_Your objective:_
Give back the full listing exactly as written.

======== Material for this exercise ========

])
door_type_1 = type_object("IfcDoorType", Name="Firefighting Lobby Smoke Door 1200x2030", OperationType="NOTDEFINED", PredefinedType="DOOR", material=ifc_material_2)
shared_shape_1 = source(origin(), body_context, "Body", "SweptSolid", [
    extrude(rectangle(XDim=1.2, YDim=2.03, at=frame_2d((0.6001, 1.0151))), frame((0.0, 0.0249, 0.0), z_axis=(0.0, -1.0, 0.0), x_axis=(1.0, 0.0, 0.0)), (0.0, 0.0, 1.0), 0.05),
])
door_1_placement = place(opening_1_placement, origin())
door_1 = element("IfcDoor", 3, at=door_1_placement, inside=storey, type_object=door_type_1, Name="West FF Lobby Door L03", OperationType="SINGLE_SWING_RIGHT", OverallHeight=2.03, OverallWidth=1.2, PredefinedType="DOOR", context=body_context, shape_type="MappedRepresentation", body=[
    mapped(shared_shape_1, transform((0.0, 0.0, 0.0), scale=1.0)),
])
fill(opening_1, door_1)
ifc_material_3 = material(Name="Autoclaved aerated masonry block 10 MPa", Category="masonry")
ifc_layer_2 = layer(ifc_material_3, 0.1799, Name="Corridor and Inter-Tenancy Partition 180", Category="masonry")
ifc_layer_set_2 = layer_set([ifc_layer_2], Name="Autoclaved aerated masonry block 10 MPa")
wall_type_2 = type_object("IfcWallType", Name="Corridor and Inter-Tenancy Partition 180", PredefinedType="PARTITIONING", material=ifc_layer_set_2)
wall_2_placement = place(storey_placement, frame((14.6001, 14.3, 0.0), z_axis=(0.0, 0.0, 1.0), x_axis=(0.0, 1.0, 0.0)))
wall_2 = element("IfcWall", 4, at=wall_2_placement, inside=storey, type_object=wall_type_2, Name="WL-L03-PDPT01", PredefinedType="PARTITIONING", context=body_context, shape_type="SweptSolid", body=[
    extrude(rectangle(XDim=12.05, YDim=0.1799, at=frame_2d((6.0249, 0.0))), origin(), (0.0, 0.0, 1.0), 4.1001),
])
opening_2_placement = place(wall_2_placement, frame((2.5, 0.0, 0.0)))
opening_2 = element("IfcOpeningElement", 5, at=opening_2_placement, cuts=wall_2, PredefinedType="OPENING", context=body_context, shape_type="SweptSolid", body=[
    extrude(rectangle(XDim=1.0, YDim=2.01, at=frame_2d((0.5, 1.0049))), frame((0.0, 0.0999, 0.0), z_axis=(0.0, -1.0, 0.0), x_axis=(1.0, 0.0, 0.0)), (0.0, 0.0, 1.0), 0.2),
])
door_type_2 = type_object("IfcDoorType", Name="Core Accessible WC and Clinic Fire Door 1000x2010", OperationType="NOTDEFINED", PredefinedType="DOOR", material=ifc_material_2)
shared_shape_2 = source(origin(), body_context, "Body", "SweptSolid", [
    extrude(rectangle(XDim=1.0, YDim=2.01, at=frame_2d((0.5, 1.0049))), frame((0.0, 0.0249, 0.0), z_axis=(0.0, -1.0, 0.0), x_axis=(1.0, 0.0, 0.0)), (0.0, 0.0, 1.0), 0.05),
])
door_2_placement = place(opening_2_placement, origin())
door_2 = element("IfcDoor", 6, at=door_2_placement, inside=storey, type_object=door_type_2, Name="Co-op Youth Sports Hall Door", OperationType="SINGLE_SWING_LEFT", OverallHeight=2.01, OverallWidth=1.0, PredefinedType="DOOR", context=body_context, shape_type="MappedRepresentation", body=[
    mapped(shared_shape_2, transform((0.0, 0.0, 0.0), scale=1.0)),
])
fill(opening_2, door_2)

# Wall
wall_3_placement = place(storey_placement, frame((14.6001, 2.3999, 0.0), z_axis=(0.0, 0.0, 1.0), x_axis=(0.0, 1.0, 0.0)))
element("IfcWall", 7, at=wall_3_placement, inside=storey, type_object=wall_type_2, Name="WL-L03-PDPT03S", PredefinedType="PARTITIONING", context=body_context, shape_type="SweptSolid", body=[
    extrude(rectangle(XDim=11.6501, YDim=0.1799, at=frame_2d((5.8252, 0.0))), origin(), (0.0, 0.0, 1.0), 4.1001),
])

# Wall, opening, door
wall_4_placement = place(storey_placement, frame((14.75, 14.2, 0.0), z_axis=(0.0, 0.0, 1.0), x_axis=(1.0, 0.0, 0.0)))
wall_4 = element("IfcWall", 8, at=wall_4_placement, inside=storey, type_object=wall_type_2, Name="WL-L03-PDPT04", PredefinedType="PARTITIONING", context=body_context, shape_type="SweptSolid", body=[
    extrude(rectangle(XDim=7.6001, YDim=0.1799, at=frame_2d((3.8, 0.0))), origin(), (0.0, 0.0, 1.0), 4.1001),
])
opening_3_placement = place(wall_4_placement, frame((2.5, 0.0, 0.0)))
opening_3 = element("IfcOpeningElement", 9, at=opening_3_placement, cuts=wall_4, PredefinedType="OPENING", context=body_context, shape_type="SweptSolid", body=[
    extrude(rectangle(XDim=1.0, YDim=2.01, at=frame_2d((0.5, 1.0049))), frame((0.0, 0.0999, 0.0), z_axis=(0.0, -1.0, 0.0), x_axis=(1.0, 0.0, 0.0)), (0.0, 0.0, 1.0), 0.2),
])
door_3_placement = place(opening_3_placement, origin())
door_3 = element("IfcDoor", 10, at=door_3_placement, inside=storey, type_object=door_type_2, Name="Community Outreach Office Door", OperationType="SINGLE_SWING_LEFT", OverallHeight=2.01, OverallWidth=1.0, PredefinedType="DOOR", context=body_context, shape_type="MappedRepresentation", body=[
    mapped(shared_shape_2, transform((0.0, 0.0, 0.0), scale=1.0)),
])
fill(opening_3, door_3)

========

_Exercise response:_
])
door_type_1 = type_object("IfcDoorType", Name="Firefighting Lobby Smoke Door 1200x2030", OperationType="NOTDEFINED", PredefinedType="DOOR", material=ifc_material_2)
shared_shape_1 = source(origin(), body_context, "Body", "SweptSolid", [
    extrude(rectangle(XDim=1.2, YDim=2.03, at=frame_2d((0.6001, 1.0151))), frame((0.0, 0.0249, 0.0), z_axis=(0.0, -1.0, 0.0), x_axis=(1.0, 0.0, 0.0)), (0.0, 0.0, 1.0), 0.05),
])
door_1_placement = place(opening_1_placement, origin())
door_1 = element("IfcDoor", 3, at=door_1_placement, inside=storey, type_object=door_type_1, Name="West FF Lobby Door L03", OperationType="SINGLE_SWING_RIGHT", OverallHeight=2.03, OverallWidth=1.2, PredefinedType="DOOR", context=body_context, shape_type="MappedRepresentation", body=[
    mapped(shared_shape_1, transform((0.0, 0.0, 0.0), scale=1.0)),
])
fill(opening_1, door_1)
ifc_material_3 = material(Name="Autoclaved aerated masonry block 10 MPa", Category="masonry")
ifc_layer_2 = layer(ifc_material_3, 0.1799, Name="Corridor and Inter-Tenancy Partition 180", Category="masonry")
ifc_layer_set_2 = layer_set([ifc_layer_2], Name="Autoclaved aerated masonry block 10 MPa")
wall_type_2 = type_object("IfcWallType", Name="Corridor and Inter-Tenancy Partition 180", PredefinedType="PARTITIONING", material=ifc_layer_set_2)
wall_2_placement = place(storey_placement, frame((14.6001, 14.3, 0.0), z_axis=(0.0, 0.0, 1.0), x_axis=(0.0, 1.0, 0.0)))
wall_2 = element("IfcWall", 4, at=wall_2_placement, inside=storey, type_object=wall_type_2, Name="WL-L03-PDPT01", PredefinedType="PARTITIONING", context=body_context, shape_type="SweptSolid", body=[
    extrude(rectangle(XDim=12.05, YDim=0.1799, at=frame_2d((6.0249, 0.0))), origin(), (0.0, 0.0, 1.0), 4.1001),
])
opening_2_placement = place(wall_2_placement, frame((2.5, 0.0, 0.0)))
opening_2 = element("IfcOpeningElement", 5, at=opening_2_placement, cuts=wall_2, PredefinedType="OPENING", context=body_context, shape_type="SweptSolid", body=[
    extrude(rectangle(XDim=1.0, YDim=2.01, at=frame_2d((0.5, 1.0049))), frame((0.0, 0.0999, 0.0), z_axis=(0.0, -1.0, 0.0), x_axis=(1.0, 0.0, 0.0)), (0.0, 0.0, 1.0), 0.2),
])
door_type_2 = type_object("IfcDoorType", Name="Core Accessible WC and Clinic Fire Door 1000x2010", OperationType="NOTDEFINED", PredefinedType="DOOR", material=ifc_material_2)
shared_shape_2 = source(origin(), body_context, "Body", "SweptSolid", [
    extrude(rectangle(XDim=1.0, YDim=2.01, at=frame_2d((0.5, 1.0049))), frame((0.0, 0.0249, 0.0), z_axis=(0.0, -1.0, 0.0), x_axis=(1.0, 0.0, 0.0)), (0.0, 0.0, 1.0), 0.05),
])
door_2_placement = place(opening_2_placement, origin())
door_2 = element("IfcDoor", 6, at=door_2_placement, inside=storey, type_object=door_type_2, Name="Co-op Youth Sports Hall Door", OperationType="SINGLE_SWING_LEFT", OverallHeight=2.01, OverallWidth=1.0, PredefinedType="DOOR", context=body_context, shape_type="MappedRepresentation", body=[
    mapped(shared_shape_2, transform((0.0, 0.0, 0.0), scale=1.0)),
])
fill(opening_2, door_2)

# Wall
wall_3_placement = place(storey_placement, frame((14.6001, 2.3999, 0.0), z_axis=(0.0, 0.0, 1.0), x_axis=(0.0, 1.0, 0.0)))
element("IfcWall", 7, at=wall_3_placement, inside=storey, type_object=wall_type_2, Name="WL-L03-PDPT03S", PredefinedType="PARTITIONING", context=body_context, shape_type="SweptSolid", body=[
    extrude(rectangle(XDim=11.6501, YDim=0.1799, at=frame_2d((5.8252, 0.0))), origin(), (0.0, 0.0, 1.0), 4.1001),
])

# Wall, opening, door
wall_4_placement = place(storey_placement, frame((14.75, 14.2, 0.0), z_axis=(0.0, 0.0, 1.0), x_axis=(1.0, 0.0, 0.0)))
wall_4 = element("IfcWall", 8, at=wall_4_placement, inside=storey, type_object=wall_type_2, Name="WL-L03-PDPT04", PredefinedType="PARTITIONING", context=body_context, shape_type="SweptSolid", body=[
    extrude(rectangle(XDim=7.6001, YDim=0.1799, at=frame_2d((3.8, 0.0))), origin(), (0.0, 0.0, 1.0), 4.1001),
])
opening_3_placement = place(wall_4_placement, frame((2.5, 0.0, 0.0)))
opening_3 = element("IfcOpeningElement", 9, at=opening_3_placement, cuts=wall_4, PredefinedType="OPENING", context=body_context, shape_type="SweptSolid", body=[
    extrude(rectangle(XDim=1.0, YDim=2.01, at=frame_2d((0.5, 1.0049))), frame((0.0, 0.0999, 0.0), z_axis=(0.0, -1.0, 0.0), x_axis=(1.0, 0.0, 0.0)), (0.0, 0.0, 1.0), 0.2),
])
door_3_placement = place(opening_3_placement, origin())
door_3 = element("IfcDoor", 10, at=door_3_placement, inside=storey, type_object=door_type_2, Name="Community Outreach Office Door", OperationType="SINGLE_SWING_LEFT", OverallHeight=2.01, OverallWidth=1.0, PredefinedType="DOOR", context=body_context, shape_type="MappedRepresentation", body=[
    mapped(shared_shape_2, transform((0.0, 0.0, 0.0), scale=1.0)),
])
fill(opening_3, door_3)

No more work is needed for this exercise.